**TRY IT**
Repeat only the lines below from the one containing "#35=IFCINDEXEDPOLYGONALFACE((1,3,7,5));" through the one containing "#39=IFCINDEXEDPOLYGONALFACE((5,7,8,6));", inclusive, exactly as written.

**Stored data entries**
=== Begin Enclosure ===
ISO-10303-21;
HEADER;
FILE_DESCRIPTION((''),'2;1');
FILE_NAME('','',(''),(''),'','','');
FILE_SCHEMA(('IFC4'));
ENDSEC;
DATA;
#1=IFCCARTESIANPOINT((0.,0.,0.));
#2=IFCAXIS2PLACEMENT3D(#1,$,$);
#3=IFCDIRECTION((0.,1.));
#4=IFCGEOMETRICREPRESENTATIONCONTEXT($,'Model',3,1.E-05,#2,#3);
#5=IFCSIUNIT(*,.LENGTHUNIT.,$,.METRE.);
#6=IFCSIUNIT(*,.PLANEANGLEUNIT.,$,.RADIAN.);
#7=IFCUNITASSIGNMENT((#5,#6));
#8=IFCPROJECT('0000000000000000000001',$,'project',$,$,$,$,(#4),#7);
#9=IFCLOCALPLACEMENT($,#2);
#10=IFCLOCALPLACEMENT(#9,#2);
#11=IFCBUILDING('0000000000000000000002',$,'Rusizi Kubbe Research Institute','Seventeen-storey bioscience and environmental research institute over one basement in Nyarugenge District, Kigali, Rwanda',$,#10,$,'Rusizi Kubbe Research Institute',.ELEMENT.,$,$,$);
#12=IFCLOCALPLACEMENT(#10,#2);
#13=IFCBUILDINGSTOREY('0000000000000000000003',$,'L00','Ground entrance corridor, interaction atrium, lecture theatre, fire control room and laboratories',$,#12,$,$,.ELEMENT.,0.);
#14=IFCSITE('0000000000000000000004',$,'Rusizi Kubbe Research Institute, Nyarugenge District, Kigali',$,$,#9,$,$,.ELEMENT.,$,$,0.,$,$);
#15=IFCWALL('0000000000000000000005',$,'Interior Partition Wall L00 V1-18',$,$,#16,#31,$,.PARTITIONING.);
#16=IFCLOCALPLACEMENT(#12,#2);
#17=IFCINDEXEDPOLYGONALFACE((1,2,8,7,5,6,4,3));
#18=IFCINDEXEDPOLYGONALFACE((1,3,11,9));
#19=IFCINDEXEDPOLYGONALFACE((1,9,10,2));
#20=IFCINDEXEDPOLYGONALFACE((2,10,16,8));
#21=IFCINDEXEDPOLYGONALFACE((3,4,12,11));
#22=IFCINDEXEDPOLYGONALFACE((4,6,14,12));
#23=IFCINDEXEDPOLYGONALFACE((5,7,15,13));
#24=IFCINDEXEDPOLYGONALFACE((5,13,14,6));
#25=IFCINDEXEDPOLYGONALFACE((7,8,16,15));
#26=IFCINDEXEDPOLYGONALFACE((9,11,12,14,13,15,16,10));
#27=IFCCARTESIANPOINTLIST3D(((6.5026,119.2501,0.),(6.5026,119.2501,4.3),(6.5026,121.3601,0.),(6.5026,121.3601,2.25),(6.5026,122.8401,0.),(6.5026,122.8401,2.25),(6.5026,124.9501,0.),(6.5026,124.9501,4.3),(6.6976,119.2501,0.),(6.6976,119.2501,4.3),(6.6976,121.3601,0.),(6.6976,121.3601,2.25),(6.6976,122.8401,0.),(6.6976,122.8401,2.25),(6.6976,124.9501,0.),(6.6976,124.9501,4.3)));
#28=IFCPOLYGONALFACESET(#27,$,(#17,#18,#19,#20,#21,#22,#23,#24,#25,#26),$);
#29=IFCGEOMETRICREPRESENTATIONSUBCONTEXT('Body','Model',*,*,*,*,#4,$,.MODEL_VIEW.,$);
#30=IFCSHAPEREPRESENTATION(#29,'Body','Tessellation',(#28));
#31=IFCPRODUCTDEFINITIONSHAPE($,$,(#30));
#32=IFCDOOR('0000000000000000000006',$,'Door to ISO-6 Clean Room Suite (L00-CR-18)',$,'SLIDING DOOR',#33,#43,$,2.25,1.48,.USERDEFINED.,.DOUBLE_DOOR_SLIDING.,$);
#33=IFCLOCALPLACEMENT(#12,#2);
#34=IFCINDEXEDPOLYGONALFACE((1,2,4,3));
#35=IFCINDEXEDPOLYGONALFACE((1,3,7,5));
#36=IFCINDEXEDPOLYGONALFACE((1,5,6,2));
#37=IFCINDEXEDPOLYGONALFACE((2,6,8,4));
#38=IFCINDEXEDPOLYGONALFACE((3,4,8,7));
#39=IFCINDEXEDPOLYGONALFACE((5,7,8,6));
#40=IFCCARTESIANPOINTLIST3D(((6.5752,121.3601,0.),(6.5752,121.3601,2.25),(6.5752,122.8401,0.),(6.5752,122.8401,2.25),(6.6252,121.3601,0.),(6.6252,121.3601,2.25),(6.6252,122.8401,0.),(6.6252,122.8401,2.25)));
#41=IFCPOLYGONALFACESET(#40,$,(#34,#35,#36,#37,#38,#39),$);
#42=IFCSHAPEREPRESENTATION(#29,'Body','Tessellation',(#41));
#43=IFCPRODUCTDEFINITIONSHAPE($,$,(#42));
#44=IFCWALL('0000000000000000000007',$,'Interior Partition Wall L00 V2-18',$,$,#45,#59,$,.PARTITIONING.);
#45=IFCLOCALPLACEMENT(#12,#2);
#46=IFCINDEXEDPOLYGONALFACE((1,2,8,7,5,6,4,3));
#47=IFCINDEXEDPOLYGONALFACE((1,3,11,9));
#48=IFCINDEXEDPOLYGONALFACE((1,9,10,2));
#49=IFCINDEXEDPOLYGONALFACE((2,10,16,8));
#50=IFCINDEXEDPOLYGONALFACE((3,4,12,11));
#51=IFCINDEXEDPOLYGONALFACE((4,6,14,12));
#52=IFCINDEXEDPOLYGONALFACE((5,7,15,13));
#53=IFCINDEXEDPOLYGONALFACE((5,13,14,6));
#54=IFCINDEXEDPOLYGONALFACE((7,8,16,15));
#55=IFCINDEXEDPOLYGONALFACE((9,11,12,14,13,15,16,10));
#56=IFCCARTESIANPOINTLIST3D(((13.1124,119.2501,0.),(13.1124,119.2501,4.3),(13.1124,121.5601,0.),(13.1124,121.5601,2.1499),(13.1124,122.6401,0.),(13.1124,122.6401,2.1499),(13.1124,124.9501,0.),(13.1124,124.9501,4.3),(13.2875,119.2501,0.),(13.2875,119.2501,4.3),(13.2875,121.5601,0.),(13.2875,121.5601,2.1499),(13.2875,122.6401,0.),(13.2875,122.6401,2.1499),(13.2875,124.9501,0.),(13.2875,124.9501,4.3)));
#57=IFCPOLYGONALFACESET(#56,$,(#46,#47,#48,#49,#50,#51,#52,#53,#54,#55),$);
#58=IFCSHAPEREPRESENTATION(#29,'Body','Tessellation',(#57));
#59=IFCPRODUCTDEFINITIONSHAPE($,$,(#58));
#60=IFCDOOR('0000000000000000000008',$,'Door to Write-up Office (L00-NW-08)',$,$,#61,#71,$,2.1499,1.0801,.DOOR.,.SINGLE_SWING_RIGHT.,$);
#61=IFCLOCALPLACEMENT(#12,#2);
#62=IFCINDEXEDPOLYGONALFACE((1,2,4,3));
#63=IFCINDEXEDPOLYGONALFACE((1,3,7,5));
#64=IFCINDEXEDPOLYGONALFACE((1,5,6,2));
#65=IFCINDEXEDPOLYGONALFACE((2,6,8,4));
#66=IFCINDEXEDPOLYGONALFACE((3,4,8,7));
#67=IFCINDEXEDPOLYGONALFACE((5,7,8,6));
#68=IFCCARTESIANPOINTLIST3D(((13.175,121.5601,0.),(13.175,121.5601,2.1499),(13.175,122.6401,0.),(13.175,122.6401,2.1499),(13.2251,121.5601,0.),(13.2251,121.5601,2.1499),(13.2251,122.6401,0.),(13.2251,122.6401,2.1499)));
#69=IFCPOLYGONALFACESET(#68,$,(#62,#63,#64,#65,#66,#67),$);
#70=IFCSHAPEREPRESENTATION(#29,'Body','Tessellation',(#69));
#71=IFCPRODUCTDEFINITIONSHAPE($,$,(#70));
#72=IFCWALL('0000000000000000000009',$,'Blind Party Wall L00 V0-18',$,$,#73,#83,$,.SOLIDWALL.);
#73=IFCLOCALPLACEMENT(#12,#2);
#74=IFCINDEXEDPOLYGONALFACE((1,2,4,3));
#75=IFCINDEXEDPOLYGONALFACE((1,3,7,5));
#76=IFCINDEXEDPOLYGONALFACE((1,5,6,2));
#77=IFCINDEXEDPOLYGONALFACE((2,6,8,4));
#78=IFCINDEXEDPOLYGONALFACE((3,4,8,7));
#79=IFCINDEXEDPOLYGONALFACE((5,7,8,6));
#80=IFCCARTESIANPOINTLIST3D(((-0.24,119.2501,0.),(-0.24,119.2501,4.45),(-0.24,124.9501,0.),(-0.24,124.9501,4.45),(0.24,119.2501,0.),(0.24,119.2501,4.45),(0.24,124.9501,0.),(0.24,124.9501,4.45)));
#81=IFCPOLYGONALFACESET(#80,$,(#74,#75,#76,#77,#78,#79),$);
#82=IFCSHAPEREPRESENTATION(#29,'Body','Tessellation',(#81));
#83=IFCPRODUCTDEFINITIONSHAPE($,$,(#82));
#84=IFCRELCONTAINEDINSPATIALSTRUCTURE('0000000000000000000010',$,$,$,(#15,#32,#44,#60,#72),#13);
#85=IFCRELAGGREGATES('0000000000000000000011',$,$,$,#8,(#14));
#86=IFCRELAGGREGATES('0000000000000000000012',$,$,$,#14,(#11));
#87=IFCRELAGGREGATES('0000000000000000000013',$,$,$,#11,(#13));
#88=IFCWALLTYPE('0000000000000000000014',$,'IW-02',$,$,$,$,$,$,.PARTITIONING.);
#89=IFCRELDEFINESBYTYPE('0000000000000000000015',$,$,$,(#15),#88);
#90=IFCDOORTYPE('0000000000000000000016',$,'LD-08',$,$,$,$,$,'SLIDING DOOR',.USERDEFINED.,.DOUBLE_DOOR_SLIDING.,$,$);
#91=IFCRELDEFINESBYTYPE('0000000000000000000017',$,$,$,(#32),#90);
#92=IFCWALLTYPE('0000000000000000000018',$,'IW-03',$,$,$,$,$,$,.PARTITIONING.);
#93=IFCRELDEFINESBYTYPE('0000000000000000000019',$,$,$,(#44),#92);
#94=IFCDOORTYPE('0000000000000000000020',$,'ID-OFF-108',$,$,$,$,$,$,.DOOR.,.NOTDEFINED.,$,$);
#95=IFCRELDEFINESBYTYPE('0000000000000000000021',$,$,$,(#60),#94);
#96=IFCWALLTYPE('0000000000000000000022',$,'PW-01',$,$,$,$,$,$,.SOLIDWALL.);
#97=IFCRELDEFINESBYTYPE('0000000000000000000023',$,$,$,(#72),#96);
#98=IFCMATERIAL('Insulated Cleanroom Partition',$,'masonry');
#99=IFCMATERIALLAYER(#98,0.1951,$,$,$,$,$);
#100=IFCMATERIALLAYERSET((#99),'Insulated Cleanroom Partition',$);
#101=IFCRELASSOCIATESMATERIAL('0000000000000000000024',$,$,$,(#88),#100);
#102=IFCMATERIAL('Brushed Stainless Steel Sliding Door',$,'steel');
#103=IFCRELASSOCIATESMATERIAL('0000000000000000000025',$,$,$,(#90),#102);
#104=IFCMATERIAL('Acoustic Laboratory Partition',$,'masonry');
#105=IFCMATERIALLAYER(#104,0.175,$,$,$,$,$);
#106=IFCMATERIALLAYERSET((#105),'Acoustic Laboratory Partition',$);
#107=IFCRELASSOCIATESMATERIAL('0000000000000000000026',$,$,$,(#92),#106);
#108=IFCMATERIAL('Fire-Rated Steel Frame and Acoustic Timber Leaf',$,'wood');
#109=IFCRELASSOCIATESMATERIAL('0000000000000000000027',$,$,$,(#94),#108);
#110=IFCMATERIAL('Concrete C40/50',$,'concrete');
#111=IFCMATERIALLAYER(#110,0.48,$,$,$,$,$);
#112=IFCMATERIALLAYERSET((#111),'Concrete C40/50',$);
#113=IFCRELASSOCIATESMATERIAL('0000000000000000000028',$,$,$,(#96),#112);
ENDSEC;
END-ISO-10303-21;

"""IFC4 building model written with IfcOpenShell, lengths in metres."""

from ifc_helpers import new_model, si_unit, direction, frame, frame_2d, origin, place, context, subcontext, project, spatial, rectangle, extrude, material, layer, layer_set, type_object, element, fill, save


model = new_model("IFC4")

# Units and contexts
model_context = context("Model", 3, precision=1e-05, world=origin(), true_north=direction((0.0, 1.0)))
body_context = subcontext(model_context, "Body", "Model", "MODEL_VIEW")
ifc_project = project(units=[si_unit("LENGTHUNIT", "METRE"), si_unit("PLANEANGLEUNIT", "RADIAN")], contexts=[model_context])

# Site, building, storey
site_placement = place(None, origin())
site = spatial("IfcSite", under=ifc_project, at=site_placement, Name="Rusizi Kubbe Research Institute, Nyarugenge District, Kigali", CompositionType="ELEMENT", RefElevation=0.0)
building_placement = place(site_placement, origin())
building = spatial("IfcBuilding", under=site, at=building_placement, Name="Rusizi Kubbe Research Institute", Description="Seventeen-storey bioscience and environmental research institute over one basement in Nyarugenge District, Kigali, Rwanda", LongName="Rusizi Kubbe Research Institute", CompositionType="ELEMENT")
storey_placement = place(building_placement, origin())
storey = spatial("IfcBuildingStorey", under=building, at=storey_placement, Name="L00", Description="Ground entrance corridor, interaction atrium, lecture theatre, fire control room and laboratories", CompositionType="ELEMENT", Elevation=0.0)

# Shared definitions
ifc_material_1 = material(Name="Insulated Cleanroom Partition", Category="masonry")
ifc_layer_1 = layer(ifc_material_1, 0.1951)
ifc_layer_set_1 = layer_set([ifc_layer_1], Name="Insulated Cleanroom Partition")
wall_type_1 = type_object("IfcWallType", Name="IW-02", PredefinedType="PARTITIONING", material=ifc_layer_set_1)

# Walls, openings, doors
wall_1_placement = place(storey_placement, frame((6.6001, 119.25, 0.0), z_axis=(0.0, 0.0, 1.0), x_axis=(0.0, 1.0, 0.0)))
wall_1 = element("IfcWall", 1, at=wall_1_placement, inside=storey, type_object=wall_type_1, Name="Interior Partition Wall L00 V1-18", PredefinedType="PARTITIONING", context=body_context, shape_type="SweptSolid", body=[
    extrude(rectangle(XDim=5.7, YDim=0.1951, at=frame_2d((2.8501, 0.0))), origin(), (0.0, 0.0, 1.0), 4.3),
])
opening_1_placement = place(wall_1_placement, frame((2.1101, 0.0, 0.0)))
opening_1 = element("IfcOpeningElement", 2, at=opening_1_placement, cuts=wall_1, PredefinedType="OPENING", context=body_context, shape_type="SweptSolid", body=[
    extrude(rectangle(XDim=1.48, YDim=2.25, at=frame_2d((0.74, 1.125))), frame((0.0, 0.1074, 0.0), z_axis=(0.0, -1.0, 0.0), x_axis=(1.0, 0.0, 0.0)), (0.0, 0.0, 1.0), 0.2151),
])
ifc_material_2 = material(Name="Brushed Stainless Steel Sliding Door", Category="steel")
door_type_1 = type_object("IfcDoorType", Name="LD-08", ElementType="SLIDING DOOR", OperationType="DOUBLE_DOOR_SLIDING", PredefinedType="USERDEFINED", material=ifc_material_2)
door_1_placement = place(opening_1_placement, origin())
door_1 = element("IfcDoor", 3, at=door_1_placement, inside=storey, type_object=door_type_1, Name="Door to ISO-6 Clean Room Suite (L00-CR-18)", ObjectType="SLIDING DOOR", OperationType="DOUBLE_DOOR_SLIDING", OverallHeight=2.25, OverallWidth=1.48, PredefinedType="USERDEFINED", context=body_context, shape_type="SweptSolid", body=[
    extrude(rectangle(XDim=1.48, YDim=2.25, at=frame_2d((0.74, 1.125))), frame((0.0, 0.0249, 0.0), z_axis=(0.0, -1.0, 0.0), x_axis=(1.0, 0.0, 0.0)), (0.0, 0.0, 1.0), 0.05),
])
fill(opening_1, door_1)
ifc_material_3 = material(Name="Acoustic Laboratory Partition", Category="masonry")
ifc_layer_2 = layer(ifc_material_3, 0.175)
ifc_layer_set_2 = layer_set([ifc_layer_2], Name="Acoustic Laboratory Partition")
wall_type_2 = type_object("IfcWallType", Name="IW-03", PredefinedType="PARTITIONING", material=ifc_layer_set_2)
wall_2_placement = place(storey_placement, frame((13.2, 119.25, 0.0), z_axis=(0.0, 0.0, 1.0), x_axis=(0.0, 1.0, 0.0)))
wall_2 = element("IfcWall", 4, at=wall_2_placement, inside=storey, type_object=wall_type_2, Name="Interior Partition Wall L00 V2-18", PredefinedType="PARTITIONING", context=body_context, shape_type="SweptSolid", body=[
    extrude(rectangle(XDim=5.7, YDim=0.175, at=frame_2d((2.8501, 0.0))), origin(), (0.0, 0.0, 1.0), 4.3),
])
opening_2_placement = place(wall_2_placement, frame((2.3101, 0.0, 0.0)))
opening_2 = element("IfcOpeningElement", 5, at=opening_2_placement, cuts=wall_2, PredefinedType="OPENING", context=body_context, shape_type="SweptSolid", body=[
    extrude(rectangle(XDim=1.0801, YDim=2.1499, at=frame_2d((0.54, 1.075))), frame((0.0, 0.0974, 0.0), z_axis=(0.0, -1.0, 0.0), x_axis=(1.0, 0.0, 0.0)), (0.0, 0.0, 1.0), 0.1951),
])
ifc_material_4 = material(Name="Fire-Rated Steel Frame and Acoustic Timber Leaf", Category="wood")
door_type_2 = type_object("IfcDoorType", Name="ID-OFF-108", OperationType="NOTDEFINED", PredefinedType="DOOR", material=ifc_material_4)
=== End Enclosure ===
**ANSWER SECTION**
#35=IFCINDEXEDPOLYGONALFACE((1,3,7,5));
#36=IFCINDEXEDPOLYGONALFACE((1,5,6,2));
#37=IFCINDEXEDPOLYGONALFACE((2,6,8,4));
#38=IFCINDEXEDPOLYGONALFACE((3,4,8,7));
#39=IFCINDEXEDPOLYGONALFACE((5,7,8,6));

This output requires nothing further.